Every line of the entries below that includes "IFCRELDEFINESBYTYPE" belongs in the answer, copied as written.
++++ The data
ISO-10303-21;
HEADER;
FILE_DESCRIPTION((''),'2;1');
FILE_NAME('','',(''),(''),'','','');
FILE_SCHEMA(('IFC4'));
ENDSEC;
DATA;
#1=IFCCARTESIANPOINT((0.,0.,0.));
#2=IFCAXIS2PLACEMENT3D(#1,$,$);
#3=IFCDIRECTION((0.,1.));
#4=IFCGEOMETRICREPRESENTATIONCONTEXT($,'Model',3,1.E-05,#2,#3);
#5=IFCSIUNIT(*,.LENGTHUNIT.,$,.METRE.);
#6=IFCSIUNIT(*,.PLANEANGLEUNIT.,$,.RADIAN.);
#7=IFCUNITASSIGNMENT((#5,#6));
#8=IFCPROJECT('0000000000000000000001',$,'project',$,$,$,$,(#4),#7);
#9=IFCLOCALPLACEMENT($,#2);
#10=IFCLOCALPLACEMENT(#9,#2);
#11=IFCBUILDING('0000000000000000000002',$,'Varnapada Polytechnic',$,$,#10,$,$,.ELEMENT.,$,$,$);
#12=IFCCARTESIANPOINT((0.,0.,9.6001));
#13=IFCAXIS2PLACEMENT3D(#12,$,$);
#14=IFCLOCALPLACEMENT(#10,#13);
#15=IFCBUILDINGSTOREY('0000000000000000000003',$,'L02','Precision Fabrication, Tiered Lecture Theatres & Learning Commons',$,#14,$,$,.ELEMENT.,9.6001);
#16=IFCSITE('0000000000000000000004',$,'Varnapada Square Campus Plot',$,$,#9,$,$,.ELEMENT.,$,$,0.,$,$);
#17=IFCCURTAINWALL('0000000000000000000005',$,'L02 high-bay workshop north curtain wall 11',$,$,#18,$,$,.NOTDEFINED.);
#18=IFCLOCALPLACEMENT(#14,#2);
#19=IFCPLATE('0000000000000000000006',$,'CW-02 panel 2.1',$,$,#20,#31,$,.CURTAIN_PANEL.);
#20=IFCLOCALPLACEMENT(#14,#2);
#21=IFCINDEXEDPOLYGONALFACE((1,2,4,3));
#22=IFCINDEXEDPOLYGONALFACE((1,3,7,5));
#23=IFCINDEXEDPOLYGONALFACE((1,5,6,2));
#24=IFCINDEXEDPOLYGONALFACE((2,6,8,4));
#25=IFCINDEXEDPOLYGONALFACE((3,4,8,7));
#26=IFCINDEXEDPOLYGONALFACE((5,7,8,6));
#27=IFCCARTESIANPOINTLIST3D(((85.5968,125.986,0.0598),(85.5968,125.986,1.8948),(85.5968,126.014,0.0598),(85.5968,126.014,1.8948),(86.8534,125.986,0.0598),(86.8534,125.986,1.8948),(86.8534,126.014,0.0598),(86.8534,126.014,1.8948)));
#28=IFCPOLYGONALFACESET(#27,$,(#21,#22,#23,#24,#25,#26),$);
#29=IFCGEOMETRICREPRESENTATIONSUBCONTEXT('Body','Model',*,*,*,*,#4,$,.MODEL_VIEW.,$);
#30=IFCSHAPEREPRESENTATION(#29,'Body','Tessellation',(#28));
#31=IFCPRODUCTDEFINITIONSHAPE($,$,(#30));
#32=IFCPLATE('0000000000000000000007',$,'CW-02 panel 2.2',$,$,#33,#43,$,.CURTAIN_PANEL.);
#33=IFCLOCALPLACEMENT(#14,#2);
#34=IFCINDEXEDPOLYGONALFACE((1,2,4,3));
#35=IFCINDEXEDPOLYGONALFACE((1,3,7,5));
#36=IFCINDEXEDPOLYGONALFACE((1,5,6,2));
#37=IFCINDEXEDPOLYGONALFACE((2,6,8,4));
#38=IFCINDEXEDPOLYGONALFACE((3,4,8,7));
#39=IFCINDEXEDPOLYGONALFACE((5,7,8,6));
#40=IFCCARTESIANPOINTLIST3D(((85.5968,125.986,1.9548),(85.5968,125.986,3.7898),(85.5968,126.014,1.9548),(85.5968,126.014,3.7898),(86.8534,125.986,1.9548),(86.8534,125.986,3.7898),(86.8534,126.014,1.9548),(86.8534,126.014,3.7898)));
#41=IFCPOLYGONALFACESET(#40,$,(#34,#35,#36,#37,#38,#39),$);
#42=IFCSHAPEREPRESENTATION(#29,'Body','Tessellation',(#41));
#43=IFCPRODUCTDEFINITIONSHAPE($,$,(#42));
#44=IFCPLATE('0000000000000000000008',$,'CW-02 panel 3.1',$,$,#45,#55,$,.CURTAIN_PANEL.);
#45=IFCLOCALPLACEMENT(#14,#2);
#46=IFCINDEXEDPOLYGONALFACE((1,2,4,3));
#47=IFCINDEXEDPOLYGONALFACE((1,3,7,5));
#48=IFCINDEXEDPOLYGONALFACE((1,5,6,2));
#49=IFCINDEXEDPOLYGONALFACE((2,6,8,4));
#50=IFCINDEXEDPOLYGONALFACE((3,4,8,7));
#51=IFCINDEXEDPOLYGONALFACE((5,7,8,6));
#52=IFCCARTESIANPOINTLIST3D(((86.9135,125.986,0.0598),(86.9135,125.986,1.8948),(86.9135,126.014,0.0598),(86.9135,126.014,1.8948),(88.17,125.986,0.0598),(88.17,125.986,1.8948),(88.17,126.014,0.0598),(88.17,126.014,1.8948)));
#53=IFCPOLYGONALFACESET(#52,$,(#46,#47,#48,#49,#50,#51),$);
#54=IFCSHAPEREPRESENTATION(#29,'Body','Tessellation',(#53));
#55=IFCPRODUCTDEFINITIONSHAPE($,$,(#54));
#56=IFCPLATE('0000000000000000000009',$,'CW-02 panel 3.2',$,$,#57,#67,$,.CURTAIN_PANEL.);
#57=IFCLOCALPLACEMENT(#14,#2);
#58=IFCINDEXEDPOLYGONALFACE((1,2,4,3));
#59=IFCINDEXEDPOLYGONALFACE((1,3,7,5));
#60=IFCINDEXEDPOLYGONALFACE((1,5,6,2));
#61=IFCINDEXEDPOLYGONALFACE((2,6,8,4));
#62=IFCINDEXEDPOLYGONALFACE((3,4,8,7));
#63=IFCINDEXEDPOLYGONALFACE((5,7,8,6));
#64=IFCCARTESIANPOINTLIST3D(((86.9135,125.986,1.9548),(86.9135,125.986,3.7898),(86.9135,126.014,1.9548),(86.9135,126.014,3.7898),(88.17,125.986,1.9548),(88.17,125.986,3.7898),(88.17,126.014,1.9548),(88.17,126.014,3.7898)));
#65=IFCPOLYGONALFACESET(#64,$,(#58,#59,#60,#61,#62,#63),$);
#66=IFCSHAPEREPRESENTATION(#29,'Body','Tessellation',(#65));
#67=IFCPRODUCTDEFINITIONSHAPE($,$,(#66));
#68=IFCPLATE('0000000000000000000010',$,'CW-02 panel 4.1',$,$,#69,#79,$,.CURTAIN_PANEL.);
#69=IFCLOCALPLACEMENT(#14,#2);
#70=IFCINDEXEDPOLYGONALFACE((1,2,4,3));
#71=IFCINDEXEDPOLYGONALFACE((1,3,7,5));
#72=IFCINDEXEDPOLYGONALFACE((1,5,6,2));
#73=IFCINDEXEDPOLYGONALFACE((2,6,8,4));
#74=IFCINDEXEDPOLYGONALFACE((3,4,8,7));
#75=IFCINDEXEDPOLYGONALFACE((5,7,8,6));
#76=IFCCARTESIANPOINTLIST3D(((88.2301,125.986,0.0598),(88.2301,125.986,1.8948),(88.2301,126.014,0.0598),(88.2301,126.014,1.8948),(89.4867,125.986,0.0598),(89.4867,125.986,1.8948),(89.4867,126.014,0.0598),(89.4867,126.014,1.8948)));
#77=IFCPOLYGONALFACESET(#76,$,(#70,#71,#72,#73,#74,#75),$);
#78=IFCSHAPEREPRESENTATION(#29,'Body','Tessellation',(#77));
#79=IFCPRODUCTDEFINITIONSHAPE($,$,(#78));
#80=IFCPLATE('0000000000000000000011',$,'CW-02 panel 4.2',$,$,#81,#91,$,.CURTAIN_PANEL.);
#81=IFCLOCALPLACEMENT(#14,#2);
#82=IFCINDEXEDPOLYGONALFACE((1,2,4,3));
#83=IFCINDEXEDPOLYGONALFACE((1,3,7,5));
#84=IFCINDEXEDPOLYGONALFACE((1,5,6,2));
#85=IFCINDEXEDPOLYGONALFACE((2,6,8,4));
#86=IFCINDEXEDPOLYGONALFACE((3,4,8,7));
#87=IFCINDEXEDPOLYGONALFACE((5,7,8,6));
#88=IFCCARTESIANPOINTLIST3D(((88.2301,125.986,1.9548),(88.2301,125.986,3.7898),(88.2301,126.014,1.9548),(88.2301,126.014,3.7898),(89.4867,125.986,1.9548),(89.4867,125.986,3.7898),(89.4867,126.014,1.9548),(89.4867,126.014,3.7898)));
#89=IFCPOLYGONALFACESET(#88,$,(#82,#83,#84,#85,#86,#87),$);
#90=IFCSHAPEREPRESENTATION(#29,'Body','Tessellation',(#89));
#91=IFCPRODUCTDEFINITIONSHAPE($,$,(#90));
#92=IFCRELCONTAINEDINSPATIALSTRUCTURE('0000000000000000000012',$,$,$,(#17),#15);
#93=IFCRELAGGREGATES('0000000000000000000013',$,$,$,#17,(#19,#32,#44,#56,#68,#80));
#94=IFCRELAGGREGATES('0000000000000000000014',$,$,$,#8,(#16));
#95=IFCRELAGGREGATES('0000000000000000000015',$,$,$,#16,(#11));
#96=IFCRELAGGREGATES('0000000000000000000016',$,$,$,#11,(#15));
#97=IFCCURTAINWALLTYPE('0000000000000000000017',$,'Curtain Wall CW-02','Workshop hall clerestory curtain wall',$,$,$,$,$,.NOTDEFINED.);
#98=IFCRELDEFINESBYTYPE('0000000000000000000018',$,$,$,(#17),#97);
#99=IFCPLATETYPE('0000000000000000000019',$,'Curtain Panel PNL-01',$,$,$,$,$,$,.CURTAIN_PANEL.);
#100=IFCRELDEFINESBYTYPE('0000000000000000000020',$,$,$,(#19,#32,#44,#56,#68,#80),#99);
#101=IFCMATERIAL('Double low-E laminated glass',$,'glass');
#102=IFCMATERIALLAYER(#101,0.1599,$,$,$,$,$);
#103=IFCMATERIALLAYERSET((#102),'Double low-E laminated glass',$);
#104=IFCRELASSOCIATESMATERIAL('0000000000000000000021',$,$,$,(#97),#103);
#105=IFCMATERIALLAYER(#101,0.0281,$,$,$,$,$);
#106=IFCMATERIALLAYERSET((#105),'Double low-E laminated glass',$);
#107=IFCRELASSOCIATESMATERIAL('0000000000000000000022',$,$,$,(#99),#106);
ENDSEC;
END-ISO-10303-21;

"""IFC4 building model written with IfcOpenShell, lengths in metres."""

from ifc_helpers import new_model, si_unit, direction, frame, origin, origin_2d, place, context, subcontext, project, spatial, rectangle, extrude, material, layer, layer_set, type_object, element, aggregate, save


model = new_model("IFC4")

# Units and contexts
model_context = context("Model", 3, precision=1e-05, world=origin(), true_north=direction((0.0, 1.0)))
body_context = subcontext(model_context, "Body", "Model", "MODEL_VIEW")
ifc_project = project(units=[si_unit("LENGTHUNIT", "METRE"), si_unit("PLANEANGLEUNIT", "RADIAN")], contexts=[model_context])

# Site, building, storey
site_placement = place(None, origin())
site = spatial("IfcSite", under=ifc_project, at=site_placement, Name="Varnapada Square Campus Plot", CompositionType="ELEMENT", RefElevation=0.0)
building_placement = place(site_placement, origin())
building = spatial("IfcBuilding", under=site, at=building_placement, Name="Varnapada Polytechnic", CompositionType="ELEMENT")
storey_placement = place(building_placement, frame((0.0, 0.0, 9.6001)))
storey = spatial("IfcBuildingStorey", under=building, at=storey_placement, Name="L02", Description="Precision Fabrication, Tiered Lecture Theatres & Learning Commons", CompositionType="ELEMENT", Elevation=9.6001)

# Curtain wall, plates
ifc_material_1 = material(Name="Double low-E laminated glass", Category="glass")
ifc_layer_1 = layer(ifc_material_1, 0.1599)
ifc_layer_set_1 = layer_set([ifc_layer_1], Name="Double low-E laminated glass")
curtain_wall_type = type_object("IfcCurtainWallType", Name="Curtain Wall CW-02", Description="Workshop hall clerestory curtain wall", PredefinedType="NOTDEFINED", material=ifc_layer_set_1)
curtain_wall_placement = place(storey_placement, origin())
curtain_wall = element("IfcCurtainWall", 1, at=curtain_wall_placement, inside=storey, type_object=curtain_wall_type, Name="L02 high-bay workshop north curtain wall 11", PredefinedType="NOTDEFINED")
ifc_layer_2 = layer(ifc_material_1, 0.0281)
ifc_layer_set_2 = layer_set([ifc_layer_2], Name="Double low-E laminated glass")
plate_type = type_object("IfcPlateType", Name="Curtain Panel PNL-01", PredefinedType="CURTAIN_PANEL", material=ifc_layer_set_2)
plate_1_placement = place(storey_placement, frame((86.2251, 126.0, 0.0598), z_axis=(0.0, 0.0, 1.0), x_axis=(1.0, 0.0, 0.0)))
plate_1 = element("IfcPlate", 2, at=plate_1_placement, type_object=plate_type, Name="CW-02 panel 2.1", PredefinedType="CURTAIN_PANEL", context=body_context, shape_type="SweptSolid", body=[
    extrude(rectangle(XDim=1.2566, YDim=0.0281, at=origin_2d()), origin(), (0.0, 0.0, 1.0), 1.835),
])
plate_2_placement = place(storey_placement, frame((86.2251, 126.0, 1.9548), z_axis=(0.0, 0.0, 1.0), x_axis=(1.0, 0.0, 0.0)))
plate_2 = element("IfcPlate", 3, at=plate_2_placement, type_object=plate_type, Name="CW-02 panel 2.2", PredefinedType="CURTAIN_PANEL", context=body_context, shape_type="SweptSolid", body=[
    extrude(rectangle(XDim=1.2566, YDim=0.0281, at=origin_2d()), origin(), (0.0, 0.0, 1.0), 1.835),
])
plate_3_placement = place(storey_placement, frame((87.5417, 126.0, 0.0598), z_axis=(0.0, 0.0, 1.0), x_axis=(1.0, 0.0, 0.0)))
plate_3 = element("IfcPlate", 4, at=plate_3_placement, type_object=plate_type, Name="CW-02 panel 3.1", PredefinedType="CURTAIN_PANEL", context=body_context, shape_type="SweptSolid", body=[
    extrude(rectangle(XDim=1.2566, YDim=0.0281, at=origin_2d()), origin(), (0.0, 0.0, 1.0), 1.835),
])
plate_4_placement = place(storey_placement, frame((87.5417, 126.0, 1.9548), z_axis=(0.0, 0.0, 1.0), x_axis=(1.0, 0.0, 0.0)))
plate_4 = element("IfcPlate", 5, at=plate_4_placement, type_object=plate_type, Name="CW-02 panel 3.2", PredefinedType="CURTAIN_PANEL", context=body_context, shape_type="SweptSolid", body=[
    extrude(rectangle(XDim=1.2566, YDim=0.0281, at=origin_2d()), origin(), (0.0, 0.0, 1.0), 1.835),
])
plate_5_placement = place(storey_placement, frame((88.8584, 126.0, 0.0598), z_axis=(0.0, 0.0, 1.0), x_axis=(1.0, 0.0, 0.0)))
plate_5 = element("IfcPlate", 6, at=plate_5_placement, type_object=plate_type, Name="CW-02 panel 4.1", PredefinedType="CURTAIN_PANEL", context=body_context, shape_type="SweptSolid", body=[
    extrude(rectangle(XDim=1.2566, YDim=0.0281, at=origin_2d()), origin(), (0.0, 0.0, 1.0), 1.835),
])
plate_6_placement = place(storey_placement, frame((88.8584, 126.0, 1.9548), z_axis=(0.0, 0.0, 1.0), x_axis=(1.0, 0.0, 0.0)))
plate_6 = element("IfcPlate", 7, at=plate_6_placement, type_object=plate_type, Name="CW-02 panel 4.2", PredefinedType="CURTAIN_PANEL", context=body_context, shape_type="SweptSolid", body=[
    extrude(rectangle(XDim=1.2566, YDim=0.0281, at=origin_2d()), origin(), (0.0, 0.0, 1.0), 1.835),
])
aggregate(curtain_wall, [plate_1, plate_2, plate_3, plate_4, plate_5, plate_6])

save(model, "model.ifc")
++++++++
Response for this exercise –
#98=IFCRELDEFINESBYTYPE('0000000000000000000018',$,$,$,(#17),#97);
#100=IFCRELDEFINESBYTYPE('0000000000000000000020',$,$,$,(#19,#32,#44,#56,#68,#80),#99);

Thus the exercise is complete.